» Exercise brief
Give again, word for word, every line below from the one that has "#160=IFCINDEXEDPOLYGONALFACE((1,2,4,3));" through the one that has "#165=IFCINDEXEDPOLYGONALFACE((5,7,8,6));", both included, and no others.

Collected data entries:
--- START ---

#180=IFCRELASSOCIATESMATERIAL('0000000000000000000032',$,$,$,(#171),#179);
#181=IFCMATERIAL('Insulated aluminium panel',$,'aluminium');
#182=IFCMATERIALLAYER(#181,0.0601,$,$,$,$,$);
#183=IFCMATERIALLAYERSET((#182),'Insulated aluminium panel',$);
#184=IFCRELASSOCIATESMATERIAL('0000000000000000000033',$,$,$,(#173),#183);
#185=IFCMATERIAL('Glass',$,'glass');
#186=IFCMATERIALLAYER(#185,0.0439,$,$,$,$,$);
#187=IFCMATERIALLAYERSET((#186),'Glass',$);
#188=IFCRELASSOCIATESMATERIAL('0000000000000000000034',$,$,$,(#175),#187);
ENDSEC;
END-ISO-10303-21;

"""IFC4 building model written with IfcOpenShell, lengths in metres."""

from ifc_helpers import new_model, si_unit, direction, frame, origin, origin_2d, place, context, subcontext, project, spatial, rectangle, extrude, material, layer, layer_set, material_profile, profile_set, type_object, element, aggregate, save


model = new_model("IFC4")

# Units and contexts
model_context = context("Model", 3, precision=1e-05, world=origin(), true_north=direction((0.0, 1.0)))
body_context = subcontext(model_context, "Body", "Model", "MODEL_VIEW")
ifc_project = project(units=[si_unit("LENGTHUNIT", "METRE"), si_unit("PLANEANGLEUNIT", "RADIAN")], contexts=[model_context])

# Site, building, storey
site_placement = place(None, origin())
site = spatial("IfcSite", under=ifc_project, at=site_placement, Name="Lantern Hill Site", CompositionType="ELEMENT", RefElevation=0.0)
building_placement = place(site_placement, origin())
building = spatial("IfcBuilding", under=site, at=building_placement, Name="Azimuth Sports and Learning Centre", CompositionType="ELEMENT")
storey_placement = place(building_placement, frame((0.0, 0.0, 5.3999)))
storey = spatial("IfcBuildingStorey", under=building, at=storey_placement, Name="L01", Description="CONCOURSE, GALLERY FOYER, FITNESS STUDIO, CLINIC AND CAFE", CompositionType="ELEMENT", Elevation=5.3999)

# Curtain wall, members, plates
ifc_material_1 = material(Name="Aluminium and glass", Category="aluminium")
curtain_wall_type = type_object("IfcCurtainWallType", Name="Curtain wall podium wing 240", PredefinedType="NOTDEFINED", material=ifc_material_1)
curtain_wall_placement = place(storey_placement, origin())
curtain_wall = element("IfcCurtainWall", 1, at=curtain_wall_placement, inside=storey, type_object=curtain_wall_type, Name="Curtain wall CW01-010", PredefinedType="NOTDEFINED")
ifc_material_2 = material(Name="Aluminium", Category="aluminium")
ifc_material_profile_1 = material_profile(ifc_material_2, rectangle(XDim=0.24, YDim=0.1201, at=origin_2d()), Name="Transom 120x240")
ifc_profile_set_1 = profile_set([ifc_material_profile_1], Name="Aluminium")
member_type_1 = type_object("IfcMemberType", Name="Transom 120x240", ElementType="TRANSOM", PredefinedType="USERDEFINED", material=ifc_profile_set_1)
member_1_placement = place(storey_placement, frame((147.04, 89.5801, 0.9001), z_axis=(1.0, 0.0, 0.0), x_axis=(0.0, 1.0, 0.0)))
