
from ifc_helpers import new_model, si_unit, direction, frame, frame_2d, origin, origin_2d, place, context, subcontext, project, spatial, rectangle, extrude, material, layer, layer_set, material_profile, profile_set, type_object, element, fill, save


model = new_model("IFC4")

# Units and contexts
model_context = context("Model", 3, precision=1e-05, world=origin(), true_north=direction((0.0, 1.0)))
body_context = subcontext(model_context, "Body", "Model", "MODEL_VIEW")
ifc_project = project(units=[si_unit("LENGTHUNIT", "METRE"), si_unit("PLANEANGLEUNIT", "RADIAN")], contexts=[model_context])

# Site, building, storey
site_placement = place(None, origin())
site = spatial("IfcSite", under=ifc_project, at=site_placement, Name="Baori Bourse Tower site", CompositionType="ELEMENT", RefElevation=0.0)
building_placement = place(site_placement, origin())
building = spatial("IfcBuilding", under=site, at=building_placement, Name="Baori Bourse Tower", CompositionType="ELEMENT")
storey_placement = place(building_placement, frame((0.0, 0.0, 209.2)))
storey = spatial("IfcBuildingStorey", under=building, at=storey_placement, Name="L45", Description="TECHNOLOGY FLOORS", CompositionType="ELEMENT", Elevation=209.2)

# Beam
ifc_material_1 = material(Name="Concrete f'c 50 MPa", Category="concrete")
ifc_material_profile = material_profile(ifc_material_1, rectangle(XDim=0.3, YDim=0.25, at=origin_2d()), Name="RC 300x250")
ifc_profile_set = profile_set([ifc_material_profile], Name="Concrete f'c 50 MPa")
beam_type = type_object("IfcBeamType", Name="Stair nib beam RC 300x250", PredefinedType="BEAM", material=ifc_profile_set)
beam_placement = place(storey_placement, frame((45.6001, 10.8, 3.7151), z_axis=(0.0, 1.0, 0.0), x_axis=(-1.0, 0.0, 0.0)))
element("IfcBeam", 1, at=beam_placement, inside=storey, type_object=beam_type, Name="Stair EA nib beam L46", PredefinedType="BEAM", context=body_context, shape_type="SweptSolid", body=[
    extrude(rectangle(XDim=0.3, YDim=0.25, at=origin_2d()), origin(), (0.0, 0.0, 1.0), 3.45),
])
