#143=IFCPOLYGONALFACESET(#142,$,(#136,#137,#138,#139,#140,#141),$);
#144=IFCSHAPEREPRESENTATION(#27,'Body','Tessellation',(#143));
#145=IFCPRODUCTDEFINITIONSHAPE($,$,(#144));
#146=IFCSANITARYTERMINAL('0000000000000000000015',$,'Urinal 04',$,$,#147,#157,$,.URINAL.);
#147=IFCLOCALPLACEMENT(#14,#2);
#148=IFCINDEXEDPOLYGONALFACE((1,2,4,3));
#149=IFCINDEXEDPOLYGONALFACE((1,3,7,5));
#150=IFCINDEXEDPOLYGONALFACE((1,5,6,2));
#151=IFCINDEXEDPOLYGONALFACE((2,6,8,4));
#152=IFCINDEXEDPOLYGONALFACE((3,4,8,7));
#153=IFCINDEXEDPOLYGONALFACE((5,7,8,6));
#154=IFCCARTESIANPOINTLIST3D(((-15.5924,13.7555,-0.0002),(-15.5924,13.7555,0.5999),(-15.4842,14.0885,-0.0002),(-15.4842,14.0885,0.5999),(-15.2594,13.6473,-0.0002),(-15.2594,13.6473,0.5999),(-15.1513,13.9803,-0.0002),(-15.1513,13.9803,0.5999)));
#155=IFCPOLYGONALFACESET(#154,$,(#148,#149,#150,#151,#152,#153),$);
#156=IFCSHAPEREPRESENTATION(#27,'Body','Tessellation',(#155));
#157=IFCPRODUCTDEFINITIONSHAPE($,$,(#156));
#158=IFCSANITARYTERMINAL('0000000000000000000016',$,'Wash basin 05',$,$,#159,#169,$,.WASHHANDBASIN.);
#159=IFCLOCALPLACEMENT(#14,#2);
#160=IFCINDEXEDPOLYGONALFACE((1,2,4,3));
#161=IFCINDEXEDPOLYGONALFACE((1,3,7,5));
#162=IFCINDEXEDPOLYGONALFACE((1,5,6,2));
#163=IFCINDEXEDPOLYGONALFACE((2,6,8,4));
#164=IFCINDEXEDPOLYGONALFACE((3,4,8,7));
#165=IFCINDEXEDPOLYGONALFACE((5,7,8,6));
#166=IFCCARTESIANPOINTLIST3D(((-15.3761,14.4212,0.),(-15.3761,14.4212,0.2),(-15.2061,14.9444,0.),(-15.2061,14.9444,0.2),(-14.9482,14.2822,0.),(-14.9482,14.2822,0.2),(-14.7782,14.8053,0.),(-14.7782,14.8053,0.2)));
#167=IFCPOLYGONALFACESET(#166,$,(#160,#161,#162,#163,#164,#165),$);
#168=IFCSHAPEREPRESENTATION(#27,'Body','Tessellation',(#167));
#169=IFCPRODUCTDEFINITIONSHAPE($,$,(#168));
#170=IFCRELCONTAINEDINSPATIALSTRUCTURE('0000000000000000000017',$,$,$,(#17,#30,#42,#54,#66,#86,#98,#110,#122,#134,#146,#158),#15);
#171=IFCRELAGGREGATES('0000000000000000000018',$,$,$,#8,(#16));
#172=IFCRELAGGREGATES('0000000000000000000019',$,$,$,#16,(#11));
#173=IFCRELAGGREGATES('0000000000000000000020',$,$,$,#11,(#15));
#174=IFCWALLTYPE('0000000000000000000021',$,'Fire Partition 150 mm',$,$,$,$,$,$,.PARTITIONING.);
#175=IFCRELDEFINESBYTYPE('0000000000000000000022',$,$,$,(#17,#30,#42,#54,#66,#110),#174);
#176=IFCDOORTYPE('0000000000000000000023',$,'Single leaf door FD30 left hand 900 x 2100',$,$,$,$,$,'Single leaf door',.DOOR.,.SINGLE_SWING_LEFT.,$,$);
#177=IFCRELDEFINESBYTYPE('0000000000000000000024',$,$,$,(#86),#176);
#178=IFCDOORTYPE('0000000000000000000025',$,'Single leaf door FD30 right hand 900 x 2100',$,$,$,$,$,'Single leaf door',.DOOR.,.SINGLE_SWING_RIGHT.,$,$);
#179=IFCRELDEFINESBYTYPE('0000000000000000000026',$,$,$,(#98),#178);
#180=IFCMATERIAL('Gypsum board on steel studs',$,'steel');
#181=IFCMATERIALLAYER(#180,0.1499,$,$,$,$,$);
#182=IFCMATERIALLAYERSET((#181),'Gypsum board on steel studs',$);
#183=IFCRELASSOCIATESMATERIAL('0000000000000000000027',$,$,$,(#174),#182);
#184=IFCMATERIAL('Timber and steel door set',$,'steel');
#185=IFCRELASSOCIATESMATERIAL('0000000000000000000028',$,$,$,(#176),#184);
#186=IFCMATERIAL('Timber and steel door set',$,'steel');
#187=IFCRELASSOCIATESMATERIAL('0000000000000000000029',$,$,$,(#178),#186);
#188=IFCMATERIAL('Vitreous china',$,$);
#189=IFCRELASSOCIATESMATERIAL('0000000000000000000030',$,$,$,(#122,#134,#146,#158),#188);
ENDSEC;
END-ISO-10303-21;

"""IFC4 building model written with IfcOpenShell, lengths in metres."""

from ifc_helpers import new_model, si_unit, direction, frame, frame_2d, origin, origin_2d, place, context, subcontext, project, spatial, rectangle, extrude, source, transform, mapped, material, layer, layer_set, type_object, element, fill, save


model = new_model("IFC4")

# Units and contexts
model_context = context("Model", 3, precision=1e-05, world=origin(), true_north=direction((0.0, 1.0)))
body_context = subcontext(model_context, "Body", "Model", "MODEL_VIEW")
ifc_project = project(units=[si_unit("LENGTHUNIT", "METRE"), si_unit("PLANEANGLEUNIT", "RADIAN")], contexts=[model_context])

--- END ---

» Output of the task
#160=IFCINDEXEDPOLYGONALFACE((1,2,4,3));
#161=IFCINDEXEDPOLYGONALFACE((1,3,7,5));
#162=IFCINDEXEDPOLYGONALFACE((1,5,6,2));
#163=IFCINDEXEDPOLYGONALFACE((2,6,8,4));
#164=IFCINDEXEDPOLYGONALFACE((3,4,8,7));
#165=IFCINDEXEDPOLYGONALFACE((5,7,8,6));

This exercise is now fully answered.